DATA PROVIDED =>
+ + + + + + +
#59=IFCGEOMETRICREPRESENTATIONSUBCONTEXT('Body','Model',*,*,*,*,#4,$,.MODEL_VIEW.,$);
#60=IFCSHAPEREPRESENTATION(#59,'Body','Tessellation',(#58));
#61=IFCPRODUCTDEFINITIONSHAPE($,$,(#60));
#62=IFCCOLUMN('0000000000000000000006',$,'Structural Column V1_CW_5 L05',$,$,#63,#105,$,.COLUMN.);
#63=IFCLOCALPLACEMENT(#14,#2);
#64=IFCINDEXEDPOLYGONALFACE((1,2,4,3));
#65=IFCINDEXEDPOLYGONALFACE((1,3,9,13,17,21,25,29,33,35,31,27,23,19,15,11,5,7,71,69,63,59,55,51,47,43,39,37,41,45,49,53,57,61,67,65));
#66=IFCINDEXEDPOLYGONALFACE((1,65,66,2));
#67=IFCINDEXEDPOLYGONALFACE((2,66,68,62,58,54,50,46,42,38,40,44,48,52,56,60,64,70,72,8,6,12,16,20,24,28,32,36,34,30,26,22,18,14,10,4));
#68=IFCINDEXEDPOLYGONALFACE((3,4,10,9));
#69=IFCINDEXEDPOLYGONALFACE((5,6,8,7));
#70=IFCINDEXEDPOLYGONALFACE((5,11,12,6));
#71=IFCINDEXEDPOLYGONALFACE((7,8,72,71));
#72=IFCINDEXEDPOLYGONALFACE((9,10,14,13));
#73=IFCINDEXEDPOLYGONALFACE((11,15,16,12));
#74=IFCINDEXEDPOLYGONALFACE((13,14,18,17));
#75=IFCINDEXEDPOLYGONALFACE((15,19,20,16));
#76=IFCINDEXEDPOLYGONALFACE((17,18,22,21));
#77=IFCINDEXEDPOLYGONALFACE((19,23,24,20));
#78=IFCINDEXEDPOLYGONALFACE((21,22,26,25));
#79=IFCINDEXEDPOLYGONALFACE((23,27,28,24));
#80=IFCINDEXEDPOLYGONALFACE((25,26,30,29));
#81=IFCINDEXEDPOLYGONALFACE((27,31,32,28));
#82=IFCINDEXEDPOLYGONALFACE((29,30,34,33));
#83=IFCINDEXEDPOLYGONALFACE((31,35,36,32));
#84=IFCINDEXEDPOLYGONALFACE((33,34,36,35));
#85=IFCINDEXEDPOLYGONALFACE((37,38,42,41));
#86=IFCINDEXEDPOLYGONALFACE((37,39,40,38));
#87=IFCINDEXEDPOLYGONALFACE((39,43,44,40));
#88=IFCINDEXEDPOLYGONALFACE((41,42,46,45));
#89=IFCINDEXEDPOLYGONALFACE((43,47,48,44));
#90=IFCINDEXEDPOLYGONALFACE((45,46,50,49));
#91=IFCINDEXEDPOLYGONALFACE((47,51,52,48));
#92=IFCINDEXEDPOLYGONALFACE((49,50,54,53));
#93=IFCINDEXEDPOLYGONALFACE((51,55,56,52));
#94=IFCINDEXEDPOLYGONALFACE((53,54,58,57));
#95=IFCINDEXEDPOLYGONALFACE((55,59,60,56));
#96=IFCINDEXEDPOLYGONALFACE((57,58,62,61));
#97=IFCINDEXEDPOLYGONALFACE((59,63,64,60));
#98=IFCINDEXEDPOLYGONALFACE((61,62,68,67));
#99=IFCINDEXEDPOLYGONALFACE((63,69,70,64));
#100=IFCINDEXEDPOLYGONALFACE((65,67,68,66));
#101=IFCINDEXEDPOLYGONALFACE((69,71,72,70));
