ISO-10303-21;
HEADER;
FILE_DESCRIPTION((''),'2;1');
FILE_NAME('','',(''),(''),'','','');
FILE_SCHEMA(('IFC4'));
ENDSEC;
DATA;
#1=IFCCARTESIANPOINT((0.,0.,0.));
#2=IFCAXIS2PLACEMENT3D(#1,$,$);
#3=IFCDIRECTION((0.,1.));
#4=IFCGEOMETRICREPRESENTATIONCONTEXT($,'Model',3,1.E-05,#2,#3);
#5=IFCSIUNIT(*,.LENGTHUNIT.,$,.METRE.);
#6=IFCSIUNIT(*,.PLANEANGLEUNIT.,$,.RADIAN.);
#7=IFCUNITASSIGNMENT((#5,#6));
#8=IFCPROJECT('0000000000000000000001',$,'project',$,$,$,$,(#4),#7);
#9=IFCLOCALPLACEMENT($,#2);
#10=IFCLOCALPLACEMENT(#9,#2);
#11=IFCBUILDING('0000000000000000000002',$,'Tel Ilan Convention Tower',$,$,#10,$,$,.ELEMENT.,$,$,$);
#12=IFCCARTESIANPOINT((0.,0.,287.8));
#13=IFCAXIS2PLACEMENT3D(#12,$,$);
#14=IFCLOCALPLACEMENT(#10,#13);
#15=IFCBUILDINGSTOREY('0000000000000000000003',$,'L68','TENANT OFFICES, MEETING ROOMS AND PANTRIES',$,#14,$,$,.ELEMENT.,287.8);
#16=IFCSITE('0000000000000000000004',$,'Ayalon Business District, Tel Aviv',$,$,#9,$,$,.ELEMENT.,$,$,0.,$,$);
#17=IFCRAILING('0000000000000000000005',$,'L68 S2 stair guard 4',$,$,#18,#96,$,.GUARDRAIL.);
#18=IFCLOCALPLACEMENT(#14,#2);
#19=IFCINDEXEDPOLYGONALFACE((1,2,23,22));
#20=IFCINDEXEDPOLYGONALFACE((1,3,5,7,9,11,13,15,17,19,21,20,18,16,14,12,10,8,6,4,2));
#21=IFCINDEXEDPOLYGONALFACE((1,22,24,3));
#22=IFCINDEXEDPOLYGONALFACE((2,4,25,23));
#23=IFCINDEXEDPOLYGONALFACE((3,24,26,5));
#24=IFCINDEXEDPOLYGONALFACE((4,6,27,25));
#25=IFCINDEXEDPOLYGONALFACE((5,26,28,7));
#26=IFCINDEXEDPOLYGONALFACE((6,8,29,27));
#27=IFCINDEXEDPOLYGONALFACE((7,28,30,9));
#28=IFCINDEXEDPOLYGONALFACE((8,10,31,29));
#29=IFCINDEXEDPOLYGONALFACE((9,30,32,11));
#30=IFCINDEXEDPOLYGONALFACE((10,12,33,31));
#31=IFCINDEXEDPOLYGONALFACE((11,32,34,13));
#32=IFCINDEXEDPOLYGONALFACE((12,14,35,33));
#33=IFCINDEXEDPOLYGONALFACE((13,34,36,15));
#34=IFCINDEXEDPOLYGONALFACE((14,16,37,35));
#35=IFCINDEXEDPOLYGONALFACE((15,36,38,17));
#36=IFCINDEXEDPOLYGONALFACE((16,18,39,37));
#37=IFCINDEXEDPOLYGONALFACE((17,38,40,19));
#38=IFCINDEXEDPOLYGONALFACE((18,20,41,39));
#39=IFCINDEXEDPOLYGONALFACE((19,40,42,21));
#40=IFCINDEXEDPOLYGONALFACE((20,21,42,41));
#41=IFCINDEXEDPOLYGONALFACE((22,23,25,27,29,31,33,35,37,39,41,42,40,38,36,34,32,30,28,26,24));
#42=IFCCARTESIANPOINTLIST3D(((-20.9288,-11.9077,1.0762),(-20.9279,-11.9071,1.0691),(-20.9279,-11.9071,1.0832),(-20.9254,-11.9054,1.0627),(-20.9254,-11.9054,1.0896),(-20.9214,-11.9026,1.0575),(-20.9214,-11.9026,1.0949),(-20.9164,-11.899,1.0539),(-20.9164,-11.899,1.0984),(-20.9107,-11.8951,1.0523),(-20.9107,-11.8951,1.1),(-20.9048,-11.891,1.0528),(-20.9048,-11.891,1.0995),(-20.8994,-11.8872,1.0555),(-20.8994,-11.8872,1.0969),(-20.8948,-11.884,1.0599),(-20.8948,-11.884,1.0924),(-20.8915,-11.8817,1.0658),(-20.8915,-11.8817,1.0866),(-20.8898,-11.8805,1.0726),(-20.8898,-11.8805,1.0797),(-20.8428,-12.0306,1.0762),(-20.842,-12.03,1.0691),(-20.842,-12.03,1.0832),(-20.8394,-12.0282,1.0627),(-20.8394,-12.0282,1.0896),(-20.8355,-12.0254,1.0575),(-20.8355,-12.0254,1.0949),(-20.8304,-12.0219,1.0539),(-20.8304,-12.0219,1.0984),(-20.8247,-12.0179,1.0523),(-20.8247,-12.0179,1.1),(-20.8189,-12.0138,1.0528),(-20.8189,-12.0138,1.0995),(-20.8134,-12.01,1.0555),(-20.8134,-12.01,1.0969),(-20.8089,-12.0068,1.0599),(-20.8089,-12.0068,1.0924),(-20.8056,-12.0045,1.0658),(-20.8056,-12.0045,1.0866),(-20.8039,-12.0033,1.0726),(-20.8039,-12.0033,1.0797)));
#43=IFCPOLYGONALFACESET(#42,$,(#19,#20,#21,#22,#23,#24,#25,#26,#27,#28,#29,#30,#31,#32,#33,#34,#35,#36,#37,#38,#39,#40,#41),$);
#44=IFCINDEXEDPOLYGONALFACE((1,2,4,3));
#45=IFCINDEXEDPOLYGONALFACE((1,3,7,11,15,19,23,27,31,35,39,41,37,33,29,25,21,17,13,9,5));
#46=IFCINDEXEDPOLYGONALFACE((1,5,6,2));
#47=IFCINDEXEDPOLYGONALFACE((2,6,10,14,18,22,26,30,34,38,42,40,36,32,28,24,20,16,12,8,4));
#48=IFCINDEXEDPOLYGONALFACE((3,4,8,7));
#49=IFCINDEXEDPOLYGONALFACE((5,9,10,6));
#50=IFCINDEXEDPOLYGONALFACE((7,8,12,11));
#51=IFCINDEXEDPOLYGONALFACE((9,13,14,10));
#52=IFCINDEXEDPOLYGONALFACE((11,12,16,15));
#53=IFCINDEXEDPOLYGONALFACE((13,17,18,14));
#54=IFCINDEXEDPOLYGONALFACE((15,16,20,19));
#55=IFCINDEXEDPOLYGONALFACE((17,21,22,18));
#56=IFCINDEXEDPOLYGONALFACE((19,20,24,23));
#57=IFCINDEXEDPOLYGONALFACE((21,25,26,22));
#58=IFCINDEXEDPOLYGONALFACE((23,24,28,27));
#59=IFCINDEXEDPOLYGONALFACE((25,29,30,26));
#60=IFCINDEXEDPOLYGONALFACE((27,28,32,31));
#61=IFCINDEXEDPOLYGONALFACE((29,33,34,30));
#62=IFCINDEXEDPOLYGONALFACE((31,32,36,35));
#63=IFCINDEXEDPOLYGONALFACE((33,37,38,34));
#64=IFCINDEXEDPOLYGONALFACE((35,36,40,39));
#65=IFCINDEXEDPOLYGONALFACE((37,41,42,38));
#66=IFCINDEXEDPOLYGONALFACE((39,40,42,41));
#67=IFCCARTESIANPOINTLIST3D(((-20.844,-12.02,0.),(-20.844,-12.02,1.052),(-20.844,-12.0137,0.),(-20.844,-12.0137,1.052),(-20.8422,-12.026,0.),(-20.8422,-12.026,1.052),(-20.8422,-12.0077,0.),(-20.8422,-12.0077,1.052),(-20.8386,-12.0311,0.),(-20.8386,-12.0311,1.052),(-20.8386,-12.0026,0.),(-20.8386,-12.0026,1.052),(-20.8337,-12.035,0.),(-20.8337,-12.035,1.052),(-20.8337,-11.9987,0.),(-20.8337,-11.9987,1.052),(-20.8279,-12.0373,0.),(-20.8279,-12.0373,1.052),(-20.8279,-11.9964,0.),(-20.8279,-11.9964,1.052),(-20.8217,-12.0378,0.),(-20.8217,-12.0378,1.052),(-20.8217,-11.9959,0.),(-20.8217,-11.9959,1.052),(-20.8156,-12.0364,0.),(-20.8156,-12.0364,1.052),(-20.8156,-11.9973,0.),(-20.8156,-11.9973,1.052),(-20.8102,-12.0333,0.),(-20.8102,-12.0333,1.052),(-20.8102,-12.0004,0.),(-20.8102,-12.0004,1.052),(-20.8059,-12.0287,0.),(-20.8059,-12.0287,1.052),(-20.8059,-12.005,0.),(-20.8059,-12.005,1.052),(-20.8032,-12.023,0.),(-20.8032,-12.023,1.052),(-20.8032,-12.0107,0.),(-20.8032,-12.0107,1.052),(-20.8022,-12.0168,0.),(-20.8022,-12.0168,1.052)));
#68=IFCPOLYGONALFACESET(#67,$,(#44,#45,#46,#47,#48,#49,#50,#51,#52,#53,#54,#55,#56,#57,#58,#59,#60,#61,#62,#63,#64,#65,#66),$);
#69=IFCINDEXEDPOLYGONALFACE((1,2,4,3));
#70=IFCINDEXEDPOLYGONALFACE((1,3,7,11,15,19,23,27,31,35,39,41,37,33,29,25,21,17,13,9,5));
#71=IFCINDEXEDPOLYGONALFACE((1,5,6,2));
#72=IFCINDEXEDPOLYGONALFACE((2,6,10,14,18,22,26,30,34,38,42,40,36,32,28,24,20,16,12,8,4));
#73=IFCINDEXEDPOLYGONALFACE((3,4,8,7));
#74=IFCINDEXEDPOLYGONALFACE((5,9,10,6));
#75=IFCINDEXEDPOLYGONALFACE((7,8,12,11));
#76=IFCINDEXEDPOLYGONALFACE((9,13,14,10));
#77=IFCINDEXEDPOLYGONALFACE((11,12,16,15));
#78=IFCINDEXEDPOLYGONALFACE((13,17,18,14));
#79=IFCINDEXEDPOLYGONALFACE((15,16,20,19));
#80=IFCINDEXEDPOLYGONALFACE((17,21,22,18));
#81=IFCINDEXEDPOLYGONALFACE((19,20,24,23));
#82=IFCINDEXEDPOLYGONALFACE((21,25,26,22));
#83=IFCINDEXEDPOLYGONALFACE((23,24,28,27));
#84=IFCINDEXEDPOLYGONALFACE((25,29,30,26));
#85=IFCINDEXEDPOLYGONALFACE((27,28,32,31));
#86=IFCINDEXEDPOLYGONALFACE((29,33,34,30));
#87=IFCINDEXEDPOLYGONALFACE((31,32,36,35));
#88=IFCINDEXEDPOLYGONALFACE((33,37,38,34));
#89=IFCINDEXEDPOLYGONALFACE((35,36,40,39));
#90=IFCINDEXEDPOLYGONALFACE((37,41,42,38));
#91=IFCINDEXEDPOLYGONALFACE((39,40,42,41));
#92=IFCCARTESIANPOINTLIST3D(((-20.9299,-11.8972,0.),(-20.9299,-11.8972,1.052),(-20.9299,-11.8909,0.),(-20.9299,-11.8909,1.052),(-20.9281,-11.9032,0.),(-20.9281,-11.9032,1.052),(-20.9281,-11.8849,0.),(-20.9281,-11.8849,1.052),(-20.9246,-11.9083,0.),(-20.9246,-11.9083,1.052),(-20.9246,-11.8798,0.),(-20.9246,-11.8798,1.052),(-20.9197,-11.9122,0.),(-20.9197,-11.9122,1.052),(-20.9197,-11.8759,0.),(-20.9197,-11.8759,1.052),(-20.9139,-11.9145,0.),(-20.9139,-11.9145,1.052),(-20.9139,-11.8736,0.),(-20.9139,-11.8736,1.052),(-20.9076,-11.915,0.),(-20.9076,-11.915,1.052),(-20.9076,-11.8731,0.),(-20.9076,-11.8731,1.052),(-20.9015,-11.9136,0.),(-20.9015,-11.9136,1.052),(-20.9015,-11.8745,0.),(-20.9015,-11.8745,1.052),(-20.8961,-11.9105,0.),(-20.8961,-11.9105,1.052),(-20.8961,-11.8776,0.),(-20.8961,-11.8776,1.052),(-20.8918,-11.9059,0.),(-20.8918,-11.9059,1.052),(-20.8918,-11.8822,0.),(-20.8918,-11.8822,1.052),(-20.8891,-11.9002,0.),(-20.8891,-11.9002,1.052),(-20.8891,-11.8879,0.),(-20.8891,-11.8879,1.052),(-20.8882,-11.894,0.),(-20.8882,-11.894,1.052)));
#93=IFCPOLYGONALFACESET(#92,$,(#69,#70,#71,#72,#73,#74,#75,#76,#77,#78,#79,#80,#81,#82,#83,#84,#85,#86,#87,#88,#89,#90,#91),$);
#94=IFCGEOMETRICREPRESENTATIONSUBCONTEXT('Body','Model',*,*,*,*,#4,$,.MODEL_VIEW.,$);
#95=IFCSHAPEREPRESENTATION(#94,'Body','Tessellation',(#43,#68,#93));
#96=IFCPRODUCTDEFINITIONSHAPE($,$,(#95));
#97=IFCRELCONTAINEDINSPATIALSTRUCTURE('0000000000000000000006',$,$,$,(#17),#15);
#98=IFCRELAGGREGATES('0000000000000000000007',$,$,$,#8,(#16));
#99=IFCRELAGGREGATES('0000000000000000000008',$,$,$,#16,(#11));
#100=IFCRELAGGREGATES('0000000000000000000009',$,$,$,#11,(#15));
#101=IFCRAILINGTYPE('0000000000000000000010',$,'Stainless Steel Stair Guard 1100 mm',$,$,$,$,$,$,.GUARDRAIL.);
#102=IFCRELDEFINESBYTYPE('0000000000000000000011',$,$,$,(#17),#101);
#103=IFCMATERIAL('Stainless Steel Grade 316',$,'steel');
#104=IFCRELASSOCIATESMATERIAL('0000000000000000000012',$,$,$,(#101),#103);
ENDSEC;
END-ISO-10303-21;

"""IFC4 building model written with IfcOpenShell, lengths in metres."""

from ifc_helpers import new_model, si_unit, direction, frame, origin, origin_2d, place, context, subcontext, project, spatial, circle, extrude, material, type_object, element, save


model = new_model("IFC4")

# Units and contexts
model_context = context("Model", 3, precision=1e-05, world=origin(), true_north=direction((0.0, 1.0)))
body_context = subcontext(model_context, "Body", "Model", "MODEL_VIEW")
ifc_project = project(units=[si_unit("LENGTHUNIT", "METRE"), si_unit("PLANEANGLEUNIT", "RADIAN")], contexts=[model_context])

# Site, building, storey
site_placement = place(None, origin())
site = spatial("IfcSite", under=ifc_project, at=site_placement, Name="Ayalon Business District, Tel Aviv", CompositionType="ELEMENT", RefElevation=0.0)
building_placement = place(site_placement, origin())
building = spatial("IfcBuilding", under=site, at=building_placement, Name="Tel Ilan Convention Tower", CompositionType="ELEMENT")
storey_placement = place(building_placement, frame((0.0, 0.0, 287.8)))
storey = spatial("IfcBuildingStorey", under=building, at=storey_placement, Name="L68", Description="TENANT OFFICES, MEETING ROOMS AND PANTRIES", CompositionType="ELEMENT", Elevation=287.8)

# Railing
ifc_material_1 = material(Name="Stainless Steel Grade 316", Category="steel")
railing_type_1 = type_object("IfcRailingType", Name="Stainless Steel Stair Guard 1100 mm", PredefinedType="GUARDRAIL", material=ifc_material_1)
railing_1_placement = place(storey_placement, frame((-20.8232, -12.0168, 0.0)))
element("IfcRailing", 1, at=railing_1_placement, inside=storey, type_object=railing_type_1, Name="L68 S2 stair guard 4", PredefinedType="GUARDRAIL", context=body_context, shape_type="SweptSolid", body=[
    extrude(circle(Radius=0.0239, at=origin_2d()), frame((0.0, 0.0, 1.0762), z_axis=(-0.573353, 0.819308, 0.0), x_axis=(-0.819308, -0.573353, 0.0)), (0.0, 0.0, 1.0), 0.1499),
    extrude(circle(Radius=0.021, at=origin_2d()), origin(), (0.0, 0.0, 1.0), 1.052),
    extrude(circle(Radius=0.021, at=origin_2d()), frame((-0.0859, 0.1228, 0.0)), (0.0, 0.0, 1.0), 1.052),
])

save(model, "model.ifc")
+ + + + + + +
PROBLEM REQUIREMENTS => The required answer is each line of the entries containing the string "IFCSHAPEREPRESENTATION".

EXERCISE ANSWER =>
#60=IFCSHAPEREPRESENTATION(#59,'Body','Tessellation',(#58));
#95=IFCSHAPEREPRESENTATION(#94,'Body','Tessellation',(#43,#68,#93));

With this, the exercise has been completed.